= MATERIAL TO PROCESS =

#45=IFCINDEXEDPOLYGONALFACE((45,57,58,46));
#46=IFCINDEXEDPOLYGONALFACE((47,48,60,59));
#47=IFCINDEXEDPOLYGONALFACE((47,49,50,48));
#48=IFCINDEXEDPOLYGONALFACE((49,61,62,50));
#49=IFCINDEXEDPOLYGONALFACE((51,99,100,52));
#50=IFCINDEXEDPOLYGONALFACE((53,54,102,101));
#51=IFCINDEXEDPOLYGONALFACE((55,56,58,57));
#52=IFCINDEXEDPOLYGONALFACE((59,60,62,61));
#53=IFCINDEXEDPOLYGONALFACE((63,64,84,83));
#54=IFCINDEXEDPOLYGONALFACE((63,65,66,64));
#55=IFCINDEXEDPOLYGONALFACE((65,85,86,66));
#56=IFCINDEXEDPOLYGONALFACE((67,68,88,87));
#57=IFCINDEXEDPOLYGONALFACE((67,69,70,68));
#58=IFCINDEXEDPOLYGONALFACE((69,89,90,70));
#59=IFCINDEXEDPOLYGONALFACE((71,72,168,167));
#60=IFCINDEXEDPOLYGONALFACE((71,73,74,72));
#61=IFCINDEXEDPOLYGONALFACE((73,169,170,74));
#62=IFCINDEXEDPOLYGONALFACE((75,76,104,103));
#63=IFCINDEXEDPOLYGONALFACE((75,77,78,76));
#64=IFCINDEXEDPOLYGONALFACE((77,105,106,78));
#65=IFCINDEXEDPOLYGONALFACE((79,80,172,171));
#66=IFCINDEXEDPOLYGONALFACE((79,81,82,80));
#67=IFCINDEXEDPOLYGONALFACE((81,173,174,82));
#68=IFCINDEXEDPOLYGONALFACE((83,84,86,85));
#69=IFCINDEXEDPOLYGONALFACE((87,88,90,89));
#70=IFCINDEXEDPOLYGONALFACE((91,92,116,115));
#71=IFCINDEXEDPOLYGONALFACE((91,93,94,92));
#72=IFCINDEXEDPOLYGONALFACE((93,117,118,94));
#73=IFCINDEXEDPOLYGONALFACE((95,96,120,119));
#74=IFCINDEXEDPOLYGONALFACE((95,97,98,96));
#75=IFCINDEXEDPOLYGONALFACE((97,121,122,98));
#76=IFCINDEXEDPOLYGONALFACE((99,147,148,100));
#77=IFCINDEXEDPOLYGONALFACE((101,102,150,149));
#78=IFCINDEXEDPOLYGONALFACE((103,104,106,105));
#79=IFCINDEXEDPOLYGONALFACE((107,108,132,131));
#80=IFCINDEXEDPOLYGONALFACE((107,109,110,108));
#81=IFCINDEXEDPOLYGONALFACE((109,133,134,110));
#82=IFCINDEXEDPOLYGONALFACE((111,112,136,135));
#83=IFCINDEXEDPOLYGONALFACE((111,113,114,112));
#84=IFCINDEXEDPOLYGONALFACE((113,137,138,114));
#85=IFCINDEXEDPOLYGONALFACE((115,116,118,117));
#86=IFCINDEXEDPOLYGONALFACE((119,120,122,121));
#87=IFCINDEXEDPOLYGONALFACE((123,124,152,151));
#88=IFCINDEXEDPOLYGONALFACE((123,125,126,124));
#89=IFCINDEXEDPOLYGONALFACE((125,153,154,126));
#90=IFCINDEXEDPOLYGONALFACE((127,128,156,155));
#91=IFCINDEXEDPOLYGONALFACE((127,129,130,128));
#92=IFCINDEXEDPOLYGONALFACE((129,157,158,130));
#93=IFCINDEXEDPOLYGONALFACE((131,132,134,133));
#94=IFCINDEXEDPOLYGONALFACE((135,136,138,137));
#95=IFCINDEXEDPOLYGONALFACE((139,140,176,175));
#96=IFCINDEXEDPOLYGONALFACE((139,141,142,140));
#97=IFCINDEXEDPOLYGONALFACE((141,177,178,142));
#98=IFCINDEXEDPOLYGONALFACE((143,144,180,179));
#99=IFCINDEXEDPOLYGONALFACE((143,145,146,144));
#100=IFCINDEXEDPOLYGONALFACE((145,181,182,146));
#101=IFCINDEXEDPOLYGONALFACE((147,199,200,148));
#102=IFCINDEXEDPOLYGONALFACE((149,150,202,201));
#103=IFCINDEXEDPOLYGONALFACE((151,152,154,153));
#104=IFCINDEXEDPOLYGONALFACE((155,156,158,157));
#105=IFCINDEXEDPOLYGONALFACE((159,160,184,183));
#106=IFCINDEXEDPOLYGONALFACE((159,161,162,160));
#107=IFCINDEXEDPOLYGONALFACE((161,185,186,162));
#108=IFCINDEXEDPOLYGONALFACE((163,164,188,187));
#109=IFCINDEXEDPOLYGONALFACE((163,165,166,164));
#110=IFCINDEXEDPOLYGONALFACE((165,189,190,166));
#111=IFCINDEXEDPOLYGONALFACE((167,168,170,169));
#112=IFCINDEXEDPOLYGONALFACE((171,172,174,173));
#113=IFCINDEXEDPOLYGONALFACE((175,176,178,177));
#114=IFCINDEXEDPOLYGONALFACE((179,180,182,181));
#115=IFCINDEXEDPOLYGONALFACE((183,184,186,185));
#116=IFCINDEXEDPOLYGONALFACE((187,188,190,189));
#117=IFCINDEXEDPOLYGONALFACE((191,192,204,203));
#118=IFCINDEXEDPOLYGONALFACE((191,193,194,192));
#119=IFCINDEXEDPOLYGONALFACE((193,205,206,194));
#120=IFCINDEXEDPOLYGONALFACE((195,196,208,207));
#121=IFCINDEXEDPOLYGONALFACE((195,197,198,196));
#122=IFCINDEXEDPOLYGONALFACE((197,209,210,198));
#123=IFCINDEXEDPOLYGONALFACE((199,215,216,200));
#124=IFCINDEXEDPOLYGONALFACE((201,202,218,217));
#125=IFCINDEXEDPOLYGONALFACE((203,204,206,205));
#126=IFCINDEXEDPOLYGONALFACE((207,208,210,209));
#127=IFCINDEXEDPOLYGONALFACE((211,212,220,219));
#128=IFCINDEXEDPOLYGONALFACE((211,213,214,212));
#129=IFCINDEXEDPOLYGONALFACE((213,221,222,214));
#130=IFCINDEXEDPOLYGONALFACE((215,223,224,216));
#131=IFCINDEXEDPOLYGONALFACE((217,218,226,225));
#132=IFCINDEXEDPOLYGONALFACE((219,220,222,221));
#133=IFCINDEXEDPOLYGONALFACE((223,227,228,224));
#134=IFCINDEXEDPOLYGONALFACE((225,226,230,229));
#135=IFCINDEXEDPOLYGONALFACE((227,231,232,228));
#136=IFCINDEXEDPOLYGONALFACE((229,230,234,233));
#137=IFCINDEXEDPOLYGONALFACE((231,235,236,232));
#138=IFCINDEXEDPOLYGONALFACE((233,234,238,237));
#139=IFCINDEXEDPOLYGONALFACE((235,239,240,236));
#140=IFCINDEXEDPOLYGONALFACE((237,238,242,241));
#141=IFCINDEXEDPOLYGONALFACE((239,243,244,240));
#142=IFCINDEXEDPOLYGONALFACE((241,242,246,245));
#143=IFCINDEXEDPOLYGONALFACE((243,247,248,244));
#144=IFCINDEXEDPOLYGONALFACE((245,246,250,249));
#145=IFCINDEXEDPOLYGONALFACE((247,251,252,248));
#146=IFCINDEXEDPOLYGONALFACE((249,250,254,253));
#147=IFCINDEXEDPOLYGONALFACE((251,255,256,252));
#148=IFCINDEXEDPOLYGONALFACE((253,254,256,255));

= WHAT THIS TASK INVOLVES =
Retype all of the entries shown above, exactly.

= RESPONSE TO THIS TASK =
#45=IFCINDEXEDPOLYGONALFACE((45,57,58,46));
#46=IFCINDEXEDPOLYGONALFACE((47,48,60,59));
#47=IFCINDEXEDPOLYGONALFACE((47,49,50,48));
#48=IFCINDEXEDPOLYGONALFACE((49,61,62,50));
#49=IFCINDEXEDPOLYGONALFACE((51,99,100,52));
#50=IFCINDEXEDPOLYGONALFACE((53,54,102,101));
#51=IFCINDEXEDPOLYGONALFACE((55,56,58,57));
#52=IFCINDEXEDPOLYGONALFACE((59,60,62,61));
#53=IFCINDEXEDPOLYGONALFACE((63,64,84,83));
#54=IFCINDEXEDPOLYGONALFACE((63,65,66,64));
#55=IFCINDEXEDPOLYGONALFACE((65,85,86,66));
#56=IFCINDEXEDPOLYGONALFACE((67,68,88,87));
#57=IFCINDEXEDPOLYGONALFACE((67,69,70,68));
#58=IFCINDEXEDPOLYGONALFACE((69,89,90,70));
#59=IFCINDEXEDPOLYGONALFACE((71,72,168,167));
#60=IFCINDEXEDPOLYGONALFACE((71,73,74,72));
#61=IFCINDEXEDPOLYGONALFACE((73,169,170,74));
#62=IFCINDEXEDPOLYGONALFACE((75,76,104,103));
#63=IFCINDEXEDPOLYGONALFACE((75,77,78,76));
#64=IFCINDEXEDPOLYGONALFACE((77,105,106,78));
#65=IFCINDEXEDPOLYGONALFACE((79,80,172,171));
#66=IFCINDEXEDPOLYGONALFACE((79,81,82,80));
#67=IFCINDEXEDPOLYGONALFACE((81,173,174,82));
#68=IFCINDEXEDPOLYGONALFACE((83,84,86,85));
#69=IFCINDEXEDPOLYGONALFACE((87,88,90,89));
#70=IFCINDEXEDPOLYGONALFACE((91,92,116,115));
#71=IFCINDEXEDPOLYGONALFACE((91,93,94,92));
#72=IFCINDEXEDPOLYGONALFACE((93,117,118,94));
#73=IFCINDEXEDPOLYGONALFACE((95,96,120,119));
#74=IFCINDEXEDPOLYGONALFACE((95,97,98,96));
#75=IFCINDEXEDPOLYGONALFACE((97,121,122,98));
#76=IFCINDEXEDPOLYGONALFACE((99,147,148,100));
#77=IFCINDEXEDPOLYGONALFACE((101,102,150,149));
#78=IFCINDEXEDPOLYGONALFACE((103,104,106,105));
#79=IFCINDEXEDPOLYGONALFACE((107,108,132,131));
#80=IFCINDEXEDPOLYGONALFACE((107,109,110,108));
#81=IFCINDEXEDPOLYGONALFACE((109,133,134,110));
#82=IFCINDEXEDPOLYGONALFACE((111,112,136,135));
#83=IFCINDEXEDPOLYGONALFACE((111,113,114,112));
#84=IFCINDEXEDPOLYGONALFACE((113,137,138,114));
#85=IFCINDEXEDPOLYGONALFACE((115,116,118,117));
#86=IFCINDEXEDPOLYGONALFACE((119,120,122,121));
#87=IFCINDEXEDPOLYGONALFACE((123,124,152,151));
#88=IFCINDEXEDPOLYGONALFACE((123,125,126,124));
#89=IFCINDEXEDPOLYGONALFACE((125,153,154,126));
#90=IFCINDEXEDPOLYGONALFACE((127,128,156,155));
#91=IFCINDEXEDPOLYGONALFACE((127,129,130,128));
#92=IFCINDEXEDPOLYGONALFACE((129,157,158,130));
#93=IFCINDEXEDPOLYGONALFACE((131,132,134,133));
#94=IFCINDEXEDPOLYGONALFACE((135,136,138,137));
#95=IFCINDEXEDPOLYGONALFACE((139,140,176,175));
#96=IFCINDEXEDPOLYGONALFACE((139,141,142,140));
#97=IFCINDEXEDPOLYGONALFACE((141,177,178,142));
#98=IFCINDEXEDPOLYGONALFACE((143,144,180,179));
#99=IFCINDEXEDPOLYGONALFACE((143,145,146,144));
#100=IFCINDEXEDPOLYGONALFACE((145,181,182,146));
#101=IFCINDEXEDPOLYGONALFACE((147,199,200,148));
#102=IFCINDEXEDPOLYGONALFACE((149,150,202,201));
#103=IFCINDEXEDPOLYGONALFACE((151,152,154,153));
#104=IFCINDEXEDPOLYGONALFACE((155,156,158,157));
#105=IFCINDEXEDPOLYGONALFACE((159,160,184,183));
#106=IFCINDEXEDPOLYGONALFACE((159,161,162,160));
#107=IFCINDEXEDPOLYGONALFACE((161,185,186,162));
#108=IFCINDEXEDPOLYGONALFACE((163,164,188,187));
#109=IFCINDEXEDPOLYGONALFACE((163,165,166,164));
#110=IFCINDEXEDPOLYGONALFACE((165,189,190,166));
#111=IFCINDEXEDPOLYGONALFACE((167,168,170,169));
#112=IFCINDEXEDPOLYGONALFACE((171,172,174,173));
#113=IFCINDEXEDPOLYGONALFACE((175,176,178,177));
#114=IFCINDEXEDPOLYGONALFACE((179,180,182,181));
#115=IFCINDEXEDPOLYGONALFACE((183,184,186,185));
#116=IFCINDEXEDPOLYGONALFACE((187,188,190,189));
#117=IFCINDEXEDPOLYGONALFACE((191,192,204,203));
#118=IFCINDEXEDPOLYGONALFACE((191,193,194,192));
#119=IFCINDEXEDPOLYGONALFACE((193,205,206,194));
#120=IFCINDEXEDPOLYGONALFACE((195,196,208,207));
#121=IFCINDEXEDPOLYGONALFACE((195,197,198,196));
#122=IFCINDEXEDPOLYGONALFACE((197,209,210,198));
#123=IFCINDEXEDPOLYGONALFACE((199,215,216,200));
#124=IFCINDEXEDPOLYGONALFACE((201,202,218,217));
#125=IFCINDEXEDPOLYGONALFACE((203,204,206,205));
#126=IFCINDEXEDPOLYGONALFACE((207,208,210,209));
#127=IFCINDEXEDPOLYGONALFACE((211,212,220,219));
#128=IFCINDEXEDPOLYGONALFACE((211,213,214,212));
#129=IFCINDEXEDPOLYGONALFACE((213,221,222,214));
#130=IFCINDEXEDPOLYGONALFACE((215,223,224,216));
#131=IFCINDEXEDPOLYGONALFACE((217,218,226,225));
#132=IFCINDEXEDPOLYGONALFACE((219,220,222,221));
#133=IFCINDEXEDPOLYGONALFACE((223,227,228,224));
#134=IFCINDEXEDPOLYGONALFACE((225,226,230,229));
#135=IFCINDEXEDPOLYGONALFACE((227,231,232,228));
#136=IFCINDEXEDPOLYGONALFACE((229,230,234,233));
#137=IFCINDEXEDPOLYGONALFACE((231,235,236,232));
#138=IFCINDEXEDPOLYGONALFACE((233,234,238,237));
#139=IFCINDEXEDPOLYGONALFACE((235,239,240,236));
#140=IFCINDEXEDPOLYGONALFACE((237,238,242,241));
#141=IFCINDEXEDPOLYGONALFACE((239,243,244,240));
#142=IFCINDEXEDPOLYGONALFACE((241,242,246,245));
#143=IFCINDEXEDPOLYGONALFACE((243,247,248,244));
#144=IFCINDEXEDPOLYGONALFACE((245,246,250,249));
#145=IFCINDEXEDPOLYGONALFACE((247,251,252,248));
#146=IFCINDEXEDPOLYGONALFACE((249,250,254,253));
#147=IFCINDEXEDPOLYGONALFACE((251,255,256,252));
#148=IFCINDEXEDPOLYGONALFACE((253,254,256,255));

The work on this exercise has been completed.